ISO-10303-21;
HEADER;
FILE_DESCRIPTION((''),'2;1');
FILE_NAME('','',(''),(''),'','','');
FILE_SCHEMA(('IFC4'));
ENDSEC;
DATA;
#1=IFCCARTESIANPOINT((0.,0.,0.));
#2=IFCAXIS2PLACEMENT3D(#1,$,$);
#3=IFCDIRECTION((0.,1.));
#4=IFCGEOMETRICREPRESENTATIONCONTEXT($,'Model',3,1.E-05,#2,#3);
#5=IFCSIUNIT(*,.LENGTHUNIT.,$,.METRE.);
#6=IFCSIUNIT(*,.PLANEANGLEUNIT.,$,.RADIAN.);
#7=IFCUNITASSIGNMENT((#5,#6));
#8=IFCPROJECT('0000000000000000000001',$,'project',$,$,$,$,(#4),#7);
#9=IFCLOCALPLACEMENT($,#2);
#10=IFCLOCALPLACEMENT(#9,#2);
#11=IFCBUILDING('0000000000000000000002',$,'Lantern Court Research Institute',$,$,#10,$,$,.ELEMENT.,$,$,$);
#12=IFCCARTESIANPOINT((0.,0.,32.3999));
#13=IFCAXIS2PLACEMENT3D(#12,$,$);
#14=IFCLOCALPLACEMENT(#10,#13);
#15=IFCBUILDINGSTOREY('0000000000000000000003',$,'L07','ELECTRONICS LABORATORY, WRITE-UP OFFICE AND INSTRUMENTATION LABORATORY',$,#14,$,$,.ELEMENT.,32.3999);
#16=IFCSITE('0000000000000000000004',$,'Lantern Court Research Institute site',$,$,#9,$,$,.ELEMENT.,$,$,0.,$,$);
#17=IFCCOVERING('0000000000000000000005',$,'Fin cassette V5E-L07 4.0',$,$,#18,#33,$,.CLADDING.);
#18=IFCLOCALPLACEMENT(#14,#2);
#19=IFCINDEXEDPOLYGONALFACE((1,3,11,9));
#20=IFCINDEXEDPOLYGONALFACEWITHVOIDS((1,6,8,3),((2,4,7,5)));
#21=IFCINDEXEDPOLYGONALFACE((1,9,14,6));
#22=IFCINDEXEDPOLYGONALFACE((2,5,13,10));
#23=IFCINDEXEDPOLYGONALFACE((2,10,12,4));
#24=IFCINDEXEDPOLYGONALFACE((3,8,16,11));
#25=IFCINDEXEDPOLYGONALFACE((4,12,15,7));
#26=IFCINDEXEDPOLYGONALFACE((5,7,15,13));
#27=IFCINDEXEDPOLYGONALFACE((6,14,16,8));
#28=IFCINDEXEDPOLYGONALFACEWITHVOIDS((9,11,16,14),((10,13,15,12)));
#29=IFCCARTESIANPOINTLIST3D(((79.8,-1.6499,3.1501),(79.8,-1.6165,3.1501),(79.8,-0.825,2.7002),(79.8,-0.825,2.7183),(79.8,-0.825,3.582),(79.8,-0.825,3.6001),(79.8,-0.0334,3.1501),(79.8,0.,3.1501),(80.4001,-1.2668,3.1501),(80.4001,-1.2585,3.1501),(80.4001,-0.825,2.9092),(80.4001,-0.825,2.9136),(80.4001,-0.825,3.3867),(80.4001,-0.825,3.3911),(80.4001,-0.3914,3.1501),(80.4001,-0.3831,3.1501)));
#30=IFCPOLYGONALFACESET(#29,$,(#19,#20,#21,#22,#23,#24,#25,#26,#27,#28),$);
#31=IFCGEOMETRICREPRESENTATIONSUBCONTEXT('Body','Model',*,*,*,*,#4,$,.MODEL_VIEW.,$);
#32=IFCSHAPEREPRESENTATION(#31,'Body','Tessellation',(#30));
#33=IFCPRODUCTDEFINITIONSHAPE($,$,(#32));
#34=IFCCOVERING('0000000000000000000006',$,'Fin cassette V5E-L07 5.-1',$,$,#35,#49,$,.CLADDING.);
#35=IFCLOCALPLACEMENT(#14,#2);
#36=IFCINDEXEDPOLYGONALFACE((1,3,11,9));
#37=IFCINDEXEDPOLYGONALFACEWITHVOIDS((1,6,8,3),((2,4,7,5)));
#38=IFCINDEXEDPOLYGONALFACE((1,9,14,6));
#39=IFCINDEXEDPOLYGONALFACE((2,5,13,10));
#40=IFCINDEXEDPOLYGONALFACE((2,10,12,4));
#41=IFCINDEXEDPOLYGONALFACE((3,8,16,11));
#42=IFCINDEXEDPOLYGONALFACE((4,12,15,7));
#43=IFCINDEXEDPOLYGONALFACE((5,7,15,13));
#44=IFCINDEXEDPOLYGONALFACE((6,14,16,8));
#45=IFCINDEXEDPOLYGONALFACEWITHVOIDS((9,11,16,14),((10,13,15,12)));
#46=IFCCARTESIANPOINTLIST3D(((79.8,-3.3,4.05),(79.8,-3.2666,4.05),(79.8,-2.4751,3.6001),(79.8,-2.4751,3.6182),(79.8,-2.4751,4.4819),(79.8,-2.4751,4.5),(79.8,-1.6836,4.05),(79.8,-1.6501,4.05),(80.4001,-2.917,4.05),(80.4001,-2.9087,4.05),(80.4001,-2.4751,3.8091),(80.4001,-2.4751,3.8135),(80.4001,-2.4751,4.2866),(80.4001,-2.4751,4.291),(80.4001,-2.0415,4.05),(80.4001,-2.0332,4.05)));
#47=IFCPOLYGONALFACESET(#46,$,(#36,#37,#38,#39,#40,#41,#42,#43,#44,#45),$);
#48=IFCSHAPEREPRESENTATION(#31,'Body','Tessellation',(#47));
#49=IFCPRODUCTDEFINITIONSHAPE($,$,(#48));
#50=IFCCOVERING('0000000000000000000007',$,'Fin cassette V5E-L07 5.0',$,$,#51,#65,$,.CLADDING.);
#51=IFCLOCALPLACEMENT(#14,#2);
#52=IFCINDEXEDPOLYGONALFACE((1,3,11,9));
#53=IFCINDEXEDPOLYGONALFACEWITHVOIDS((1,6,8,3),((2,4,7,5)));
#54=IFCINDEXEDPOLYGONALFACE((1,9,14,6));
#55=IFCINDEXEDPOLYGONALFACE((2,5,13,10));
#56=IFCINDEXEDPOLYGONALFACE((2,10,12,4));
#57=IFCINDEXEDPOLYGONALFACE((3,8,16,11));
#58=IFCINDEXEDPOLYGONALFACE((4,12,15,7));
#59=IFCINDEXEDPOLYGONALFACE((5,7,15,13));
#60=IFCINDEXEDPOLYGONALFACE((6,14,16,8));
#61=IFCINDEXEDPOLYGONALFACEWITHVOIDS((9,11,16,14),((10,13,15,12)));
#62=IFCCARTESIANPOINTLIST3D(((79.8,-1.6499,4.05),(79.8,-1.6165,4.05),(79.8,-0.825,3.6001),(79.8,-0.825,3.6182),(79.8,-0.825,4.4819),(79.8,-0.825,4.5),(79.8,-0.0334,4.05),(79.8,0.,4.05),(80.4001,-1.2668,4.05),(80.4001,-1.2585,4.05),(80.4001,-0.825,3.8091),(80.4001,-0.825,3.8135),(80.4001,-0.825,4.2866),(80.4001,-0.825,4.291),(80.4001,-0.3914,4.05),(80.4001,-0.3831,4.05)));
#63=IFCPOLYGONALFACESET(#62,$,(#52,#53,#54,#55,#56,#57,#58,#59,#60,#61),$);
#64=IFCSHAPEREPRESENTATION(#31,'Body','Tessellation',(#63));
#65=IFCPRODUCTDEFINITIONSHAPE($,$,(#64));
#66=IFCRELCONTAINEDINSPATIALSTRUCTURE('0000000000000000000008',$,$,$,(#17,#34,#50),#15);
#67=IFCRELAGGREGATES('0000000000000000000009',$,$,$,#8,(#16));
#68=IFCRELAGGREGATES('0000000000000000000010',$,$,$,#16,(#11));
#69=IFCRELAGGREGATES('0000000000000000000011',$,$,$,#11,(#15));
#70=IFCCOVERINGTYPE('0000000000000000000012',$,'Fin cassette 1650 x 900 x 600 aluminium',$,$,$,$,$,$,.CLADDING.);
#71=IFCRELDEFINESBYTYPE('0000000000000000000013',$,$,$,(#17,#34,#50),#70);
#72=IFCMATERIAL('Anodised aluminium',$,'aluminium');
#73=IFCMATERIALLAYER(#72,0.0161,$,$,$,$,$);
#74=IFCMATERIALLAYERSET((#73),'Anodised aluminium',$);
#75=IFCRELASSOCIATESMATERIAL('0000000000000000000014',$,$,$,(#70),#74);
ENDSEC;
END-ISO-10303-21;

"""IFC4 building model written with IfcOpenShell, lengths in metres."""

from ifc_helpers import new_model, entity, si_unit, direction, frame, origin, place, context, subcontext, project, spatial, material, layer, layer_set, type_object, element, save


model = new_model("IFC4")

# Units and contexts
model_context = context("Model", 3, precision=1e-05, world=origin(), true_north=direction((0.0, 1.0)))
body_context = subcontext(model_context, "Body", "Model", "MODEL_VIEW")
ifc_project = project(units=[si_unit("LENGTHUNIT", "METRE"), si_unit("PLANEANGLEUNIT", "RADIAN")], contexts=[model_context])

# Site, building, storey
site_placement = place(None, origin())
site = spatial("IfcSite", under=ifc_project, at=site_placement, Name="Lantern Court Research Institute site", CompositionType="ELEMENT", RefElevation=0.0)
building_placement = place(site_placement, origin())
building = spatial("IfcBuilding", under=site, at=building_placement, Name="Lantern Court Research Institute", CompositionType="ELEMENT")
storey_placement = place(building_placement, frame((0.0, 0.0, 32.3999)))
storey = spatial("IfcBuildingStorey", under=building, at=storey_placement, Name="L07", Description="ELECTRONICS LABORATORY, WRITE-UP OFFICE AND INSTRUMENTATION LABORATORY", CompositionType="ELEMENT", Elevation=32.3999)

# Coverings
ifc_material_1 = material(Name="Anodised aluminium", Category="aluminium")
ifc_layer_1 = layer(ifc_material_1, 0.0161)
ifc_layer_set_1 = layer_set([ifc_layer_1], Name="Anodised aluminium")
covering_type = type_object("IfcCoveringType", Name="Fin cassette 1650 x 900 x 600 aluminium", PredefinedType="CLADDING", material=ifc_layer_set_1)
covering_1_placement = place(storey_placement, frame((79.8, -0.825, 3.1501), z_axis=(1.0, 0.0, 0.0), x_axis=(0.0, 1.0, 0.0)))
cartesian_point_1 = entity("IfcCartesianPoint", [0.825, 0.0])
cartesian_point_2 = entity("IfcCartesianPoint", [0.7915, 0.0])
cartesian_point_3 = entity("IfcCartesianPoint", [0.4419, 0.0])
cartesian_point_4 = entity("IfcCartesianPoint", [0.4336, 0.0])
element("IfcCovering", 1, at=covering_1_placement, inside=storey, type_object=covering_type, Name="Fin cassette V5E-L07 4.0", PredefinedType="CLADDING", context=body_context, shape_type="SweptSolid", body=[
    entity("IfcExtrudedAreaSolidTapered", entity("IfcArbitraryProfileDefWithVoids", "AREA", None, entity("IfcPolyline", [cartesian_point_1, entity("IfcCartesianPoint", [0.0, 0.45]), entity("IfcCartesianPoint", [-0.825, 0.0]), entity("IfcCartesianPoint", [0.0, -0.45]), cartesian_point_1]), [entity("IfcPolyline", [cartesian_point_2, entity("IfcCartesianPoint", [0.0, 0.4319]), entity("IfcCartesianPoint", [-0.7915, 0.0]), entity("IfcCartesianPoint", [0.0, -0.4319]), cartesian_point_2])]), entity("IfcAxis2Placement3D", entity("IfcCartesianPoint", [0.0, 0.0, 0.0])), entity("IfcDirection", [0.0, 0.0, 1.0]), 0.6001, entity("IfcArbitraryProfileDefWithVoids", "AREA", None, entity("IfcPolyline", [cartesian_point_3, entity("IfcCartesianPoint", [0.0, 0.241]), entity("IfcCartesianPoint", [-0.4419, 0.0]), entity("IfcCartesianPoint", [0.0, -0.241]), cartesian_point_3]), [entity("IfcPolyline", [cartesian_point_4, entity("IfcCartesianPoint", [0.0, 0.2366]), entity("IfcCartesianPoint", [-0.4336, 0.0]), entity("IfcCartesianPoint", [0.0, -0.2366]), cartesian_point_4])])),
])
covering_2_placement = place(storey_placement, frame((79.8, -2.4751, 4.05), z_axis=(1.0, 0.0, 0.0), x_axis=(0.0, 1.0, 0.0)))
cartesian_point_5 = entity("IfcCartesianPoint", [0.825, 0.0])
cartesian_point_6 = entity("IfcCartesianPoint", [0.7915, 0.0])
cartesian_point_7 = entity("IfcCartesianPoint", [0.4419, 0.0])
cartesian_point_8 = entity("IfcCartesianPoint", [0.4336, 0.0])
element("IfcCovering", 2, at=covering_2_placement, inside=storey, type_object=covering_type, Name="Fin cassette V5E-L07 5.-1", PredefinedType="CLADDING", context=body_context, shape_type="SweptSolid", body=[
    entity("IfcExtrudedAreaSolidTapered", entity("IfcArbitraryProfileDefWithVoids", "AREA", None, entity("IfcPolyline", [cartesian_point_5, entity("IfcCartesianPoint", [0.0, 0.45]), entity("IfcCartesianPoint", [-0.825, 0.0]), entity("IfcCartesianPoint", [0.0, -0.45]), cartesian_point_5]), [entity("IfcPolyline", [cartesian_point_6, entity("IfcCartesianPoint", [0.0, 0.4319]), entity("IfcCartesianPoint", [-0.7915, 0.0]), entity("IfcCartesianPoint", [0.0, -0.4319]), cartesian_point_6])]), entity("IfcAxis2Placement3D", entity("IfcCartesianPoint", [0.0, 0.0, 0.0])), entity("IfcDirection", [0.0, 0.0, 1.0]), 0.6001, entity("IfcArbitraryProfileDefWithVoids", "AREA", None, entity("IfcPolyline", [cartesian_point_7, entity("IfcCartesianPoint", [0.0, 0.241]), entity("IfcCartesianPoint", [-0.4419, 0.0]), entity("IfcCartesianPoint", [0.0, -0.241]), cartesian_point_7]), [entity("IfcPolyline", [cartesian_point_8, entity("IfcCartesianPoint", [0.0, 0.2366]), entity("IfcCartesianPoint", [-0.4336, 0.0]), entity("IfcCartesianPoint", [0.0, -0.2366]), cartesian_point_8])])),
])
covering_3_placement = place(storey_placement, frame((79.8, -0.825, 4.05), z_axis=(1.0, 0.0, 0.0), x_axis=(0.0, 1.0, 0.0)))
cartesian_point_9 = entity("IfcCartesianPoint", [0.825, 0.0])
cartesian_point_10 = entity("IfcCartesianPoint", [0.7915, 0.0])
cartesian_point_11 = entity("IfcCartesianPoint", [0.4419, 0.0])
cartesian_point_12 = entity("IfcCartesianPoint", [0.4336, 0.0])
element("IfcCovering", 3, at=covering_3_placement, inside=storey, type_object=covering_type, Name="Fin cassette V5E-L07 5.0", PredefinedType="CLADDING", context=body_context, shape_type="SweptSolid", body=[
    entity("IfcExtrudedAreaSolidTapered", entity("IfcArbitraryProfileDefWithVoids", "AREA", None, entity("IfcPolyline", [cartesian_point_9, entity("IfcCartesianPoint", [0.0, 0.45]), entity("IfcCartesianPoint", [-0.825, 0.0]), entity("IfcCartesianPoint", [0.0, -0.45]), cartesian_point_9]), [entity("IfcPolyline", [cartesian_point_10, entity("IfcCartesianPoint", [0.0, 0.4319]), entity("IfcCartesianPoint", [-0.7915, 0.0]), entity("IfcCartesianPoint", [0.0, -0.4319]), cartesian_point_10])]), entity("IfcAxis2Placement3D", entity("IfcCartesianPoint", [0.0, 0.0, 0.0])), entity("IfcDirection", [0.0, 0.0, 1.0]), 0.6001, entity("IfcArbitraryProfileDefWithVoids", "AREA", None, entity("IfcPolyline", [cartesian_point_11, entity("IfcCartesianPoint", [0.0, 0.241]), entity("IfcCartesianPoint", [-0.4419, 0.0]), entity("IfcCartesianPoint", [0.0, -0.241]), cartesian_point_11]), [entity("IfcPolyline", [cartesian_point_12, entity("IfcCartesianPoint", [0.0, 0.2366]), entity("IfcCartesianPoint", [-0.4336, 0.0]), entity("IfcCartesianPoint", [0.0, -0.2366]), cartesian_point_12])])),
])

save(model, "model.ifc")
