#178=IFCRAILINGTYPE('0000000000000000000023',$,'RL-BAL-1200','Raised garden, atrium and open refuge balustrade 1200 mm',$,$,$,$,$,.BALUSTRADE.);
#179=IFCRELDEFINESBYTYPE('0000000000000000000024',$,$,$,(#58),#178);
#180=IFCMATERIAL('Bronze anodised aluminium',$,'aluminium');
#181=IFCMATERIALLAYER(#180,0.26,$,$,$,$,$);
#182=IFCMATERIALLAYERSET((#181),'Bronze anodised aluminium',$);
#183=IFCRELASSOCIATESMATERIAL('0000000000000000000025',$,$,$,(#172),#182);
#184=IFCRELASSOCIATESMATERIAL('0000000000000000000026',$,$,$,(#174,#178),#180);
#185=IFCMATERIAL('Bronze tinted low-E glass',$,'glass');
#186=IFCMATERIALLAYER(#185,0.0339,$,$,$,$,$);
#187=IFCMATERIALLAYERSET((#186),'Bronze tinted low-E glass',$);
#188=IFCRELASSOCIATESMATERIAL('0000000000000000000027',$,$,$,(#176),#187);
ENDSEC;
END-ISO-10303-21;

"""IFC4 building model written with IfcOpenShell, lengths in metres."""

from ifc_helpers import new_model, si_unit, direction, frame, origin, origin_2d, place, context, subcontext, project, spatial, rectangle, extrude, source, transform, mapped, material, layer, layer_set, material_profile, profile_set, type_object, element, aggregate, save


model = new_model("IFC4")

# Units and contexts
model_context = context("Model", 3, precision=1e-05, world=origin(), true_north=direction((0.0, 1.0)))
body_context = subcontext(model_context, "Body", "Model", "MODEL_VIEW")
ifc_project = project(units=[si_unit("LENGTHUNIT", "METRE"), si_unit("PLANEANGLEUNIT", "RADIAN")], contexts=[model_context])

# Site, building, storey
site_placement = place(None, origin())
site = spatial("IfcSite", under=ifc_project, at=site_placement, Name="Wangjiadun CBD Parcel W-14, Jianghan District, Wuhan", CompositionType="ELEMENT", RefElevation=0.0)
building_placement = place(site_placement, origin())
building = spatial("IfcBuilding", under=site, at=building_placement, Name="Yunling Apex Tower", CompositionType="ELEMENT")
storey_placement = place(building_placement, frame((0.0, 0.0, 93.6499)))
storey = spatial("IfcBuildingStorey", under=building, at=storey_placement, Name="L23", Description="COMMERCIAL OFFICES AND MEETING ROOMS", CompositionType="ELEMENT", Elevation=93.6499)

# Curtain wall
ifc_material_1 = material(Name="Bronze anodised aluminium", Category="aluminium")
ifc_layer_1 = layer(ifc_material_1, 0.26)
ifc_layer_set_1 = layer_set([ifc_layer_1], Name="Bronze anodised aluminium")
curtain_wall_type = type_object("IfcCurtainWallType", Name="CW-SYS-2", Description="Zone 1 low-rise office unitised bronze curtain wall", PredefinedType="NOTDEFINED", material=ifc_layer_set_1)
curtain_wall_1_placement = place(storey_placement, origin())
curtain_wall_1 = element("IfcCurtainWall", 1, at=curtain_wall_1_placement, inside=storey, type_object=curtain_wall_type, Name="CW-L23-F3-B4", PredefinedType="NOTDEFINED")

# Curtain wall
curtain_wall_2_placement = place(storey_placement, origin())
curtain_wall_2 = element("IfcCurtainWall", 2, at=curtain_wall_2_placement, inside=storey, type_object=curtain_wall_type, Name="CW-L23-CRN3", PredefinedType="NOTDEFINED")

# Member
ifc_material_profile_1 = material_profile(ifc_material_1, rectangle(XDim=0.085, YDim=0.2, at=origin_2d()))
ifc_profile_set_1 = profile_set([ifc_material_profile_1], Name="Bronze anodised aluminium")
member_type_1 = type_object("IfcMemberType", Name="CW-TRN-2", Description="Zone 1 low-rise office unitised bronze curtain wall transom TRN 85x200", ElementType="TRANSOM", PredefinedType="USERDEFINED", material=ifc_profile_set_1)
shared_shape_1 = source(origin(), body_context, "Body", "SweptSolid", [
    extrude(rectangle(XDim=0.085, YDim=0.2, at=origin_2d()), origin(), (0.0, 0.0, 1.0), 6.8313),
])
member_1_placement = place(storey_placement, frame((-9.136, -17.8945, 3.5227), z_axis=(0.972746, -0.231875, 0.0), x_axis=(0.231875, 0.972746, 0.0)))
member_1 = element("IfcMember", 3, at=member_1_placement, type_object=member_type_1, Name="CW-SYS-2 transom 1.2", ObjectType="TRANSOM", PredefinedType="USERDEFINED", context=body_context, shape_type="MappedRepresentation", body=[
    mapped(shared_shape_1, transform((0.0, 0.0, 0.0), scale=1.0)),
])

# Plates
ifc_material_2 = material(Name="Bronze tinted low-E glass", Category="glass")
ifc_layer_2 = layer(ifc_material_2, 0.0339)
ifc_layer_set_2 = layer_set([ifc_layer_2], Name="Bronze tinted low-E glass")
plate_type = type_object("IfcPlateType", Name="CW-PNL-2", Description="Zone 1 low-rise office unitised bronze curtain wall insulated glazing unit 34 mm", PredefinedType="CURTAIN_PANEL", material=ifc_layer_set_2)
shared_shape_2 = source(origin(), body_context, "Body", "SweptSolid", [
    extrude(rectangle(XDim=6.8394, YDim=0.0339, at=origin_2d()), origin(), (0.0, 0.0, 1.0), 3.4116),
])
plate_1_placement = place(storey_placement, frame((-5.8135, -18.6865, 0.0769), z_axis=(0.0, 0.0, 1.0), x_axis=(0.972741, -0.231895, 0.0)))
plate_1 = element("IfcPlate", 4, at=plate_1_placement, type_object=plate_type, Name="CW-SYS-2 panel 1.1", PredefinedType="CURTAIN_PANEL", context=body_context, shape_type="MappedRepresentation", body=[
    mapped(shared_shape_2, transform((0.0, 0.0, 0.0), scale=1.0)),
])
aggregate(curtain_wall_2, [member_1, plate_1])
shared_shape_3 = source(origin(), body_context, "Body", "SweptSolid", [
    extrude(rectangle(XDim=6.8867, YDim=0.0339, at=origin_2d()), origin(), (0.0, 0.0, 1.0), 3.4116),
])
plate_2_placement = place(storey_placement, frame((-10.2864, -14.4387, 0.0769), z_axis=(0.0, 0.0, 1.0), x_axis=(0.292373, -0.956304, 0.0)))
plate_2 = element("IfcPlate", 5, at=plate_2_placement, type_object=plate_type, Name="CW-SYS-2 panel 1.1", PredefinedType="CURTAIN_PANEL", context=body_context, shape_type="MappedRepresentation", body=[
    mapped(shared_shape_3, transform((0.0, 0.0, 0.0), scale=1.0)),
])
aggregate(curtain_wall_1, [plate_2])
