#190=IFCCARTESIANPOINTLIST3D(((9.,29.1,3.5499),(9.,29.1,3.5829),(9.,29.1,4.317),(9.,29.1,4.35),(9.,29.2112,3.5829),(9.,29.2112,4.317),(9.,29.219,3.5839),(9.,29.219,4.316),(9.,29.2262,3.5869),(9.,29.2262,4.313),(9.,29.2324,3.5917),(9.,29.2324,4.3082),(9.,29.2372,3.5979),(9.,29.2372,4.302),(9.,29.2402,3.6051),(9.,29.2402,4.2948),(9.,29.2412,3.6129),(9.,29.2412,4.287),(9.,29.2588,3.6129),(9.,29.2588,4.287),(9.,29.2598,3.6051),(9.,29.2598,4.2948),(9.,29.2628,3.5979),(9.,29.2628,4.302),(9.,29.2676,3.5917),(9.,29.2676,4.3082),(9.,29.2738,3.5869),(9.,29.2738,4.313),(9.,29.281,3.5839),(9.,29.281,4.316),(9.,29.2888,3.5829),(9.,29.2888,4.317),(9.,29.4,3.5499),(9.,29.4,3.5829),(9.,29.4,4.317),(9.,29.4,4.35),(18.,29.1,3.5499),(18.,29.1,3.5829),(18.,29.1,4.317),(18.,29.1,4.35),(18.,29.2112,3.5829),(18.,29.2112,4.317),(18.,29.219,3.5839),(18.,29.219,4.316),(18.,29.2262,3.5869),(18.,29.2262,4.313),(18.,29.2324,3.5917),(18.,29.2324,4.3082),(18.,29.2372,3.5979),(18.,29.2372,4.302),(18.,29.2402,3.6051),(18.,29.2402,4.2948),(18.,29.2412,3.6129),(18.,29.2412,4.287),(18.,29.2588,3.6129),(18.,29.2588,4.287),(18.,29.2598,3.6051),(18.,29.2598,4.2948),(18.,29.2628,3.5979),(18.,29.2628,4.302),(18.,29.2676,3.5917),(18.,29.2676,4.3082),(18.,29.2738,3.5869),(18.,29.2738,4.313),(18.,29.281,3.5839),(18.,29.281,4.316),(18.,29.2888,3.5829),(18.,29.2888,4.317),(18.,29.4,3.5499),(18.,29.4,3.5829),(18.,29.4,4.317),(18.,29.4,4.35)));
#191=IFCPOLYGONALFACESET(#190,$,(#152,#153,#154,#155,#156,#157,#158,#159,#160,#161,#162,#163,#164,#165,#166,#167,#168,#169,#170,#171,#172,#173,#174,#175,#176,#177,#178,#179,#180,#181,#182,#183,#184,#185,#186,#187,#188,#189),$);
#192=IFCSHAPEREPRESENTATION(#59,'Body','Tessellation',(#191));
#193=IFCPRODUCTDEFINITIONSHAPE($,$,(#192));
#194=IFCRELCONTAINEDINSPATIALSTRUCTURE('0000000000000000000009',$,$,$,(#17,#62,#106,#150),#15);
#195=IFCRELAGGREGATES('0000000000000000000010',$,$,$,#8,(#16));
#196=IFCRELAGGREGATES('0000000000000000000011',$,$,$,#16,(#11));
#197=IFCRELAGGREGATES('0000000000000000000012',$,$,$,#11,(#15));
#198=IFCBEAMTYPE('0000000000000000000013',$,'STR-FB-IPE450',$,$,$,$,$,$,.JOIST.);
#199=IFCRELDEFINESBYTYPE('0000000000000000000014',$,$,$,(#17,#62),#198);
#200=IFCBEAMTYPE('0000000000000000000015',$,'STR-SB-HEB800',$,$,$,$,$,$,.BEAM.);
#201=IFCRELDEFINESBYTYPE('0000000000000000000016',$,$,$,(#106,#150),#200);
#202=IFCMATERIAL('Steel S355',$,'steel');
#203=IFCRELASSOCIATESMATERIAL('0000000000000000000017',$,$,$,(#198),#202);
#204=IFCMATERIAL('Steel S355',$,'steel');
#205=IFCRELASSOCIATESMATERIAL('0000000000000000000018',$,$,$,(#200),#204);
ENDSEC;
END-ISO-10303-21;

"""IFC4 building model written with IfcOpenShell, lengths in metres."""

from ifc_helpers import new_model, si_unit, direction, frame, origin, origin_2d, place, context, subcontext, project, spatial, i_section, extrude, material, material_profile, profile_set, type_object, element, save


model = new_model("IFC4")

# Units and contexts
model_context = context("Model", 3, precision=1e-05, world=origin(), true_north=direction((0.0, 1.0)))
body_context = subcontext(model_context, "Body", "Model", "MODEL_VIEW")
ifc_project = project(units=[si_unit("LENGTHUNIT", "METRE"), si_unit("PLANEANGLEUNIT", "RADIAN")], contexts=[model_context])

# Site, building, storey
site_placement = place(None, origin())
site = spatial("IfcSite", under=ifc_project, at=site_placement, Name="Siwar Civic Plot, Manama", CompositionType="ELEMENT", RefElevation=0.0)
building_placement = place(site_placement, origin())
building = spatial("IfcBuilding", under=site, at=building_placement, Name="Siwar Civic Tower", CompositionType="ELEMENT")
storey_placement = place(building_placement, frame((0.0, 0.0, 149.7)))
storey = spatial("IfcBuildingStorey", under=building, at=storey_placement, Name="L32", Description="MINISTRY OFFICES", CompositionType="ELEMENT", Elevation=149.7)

######

**TASK PROMPT:**
Return, from the material above, each line holding the string "transom".

**COMPLETED EXERCISE:**
member_type_1 = type_object("IfcMemberType", Name="CW-TRN-2", Description="Zone 1 low-rise office unitised bronze curtain wall transom TRN 85x200", ElementType="TRANSOM", PredefinedType="USERDEFINED", material=ifc_profile_set_1)
member_1 = element("IfcMember", 3, at=member_1_placement, type_object=member_type_1, Name="CW-SYS-2 transom 1.2", ObjectType="TRANSOM", PredefinedType="USERDEFINED", context=body_context, shape_type="MappedRepresentation", body=[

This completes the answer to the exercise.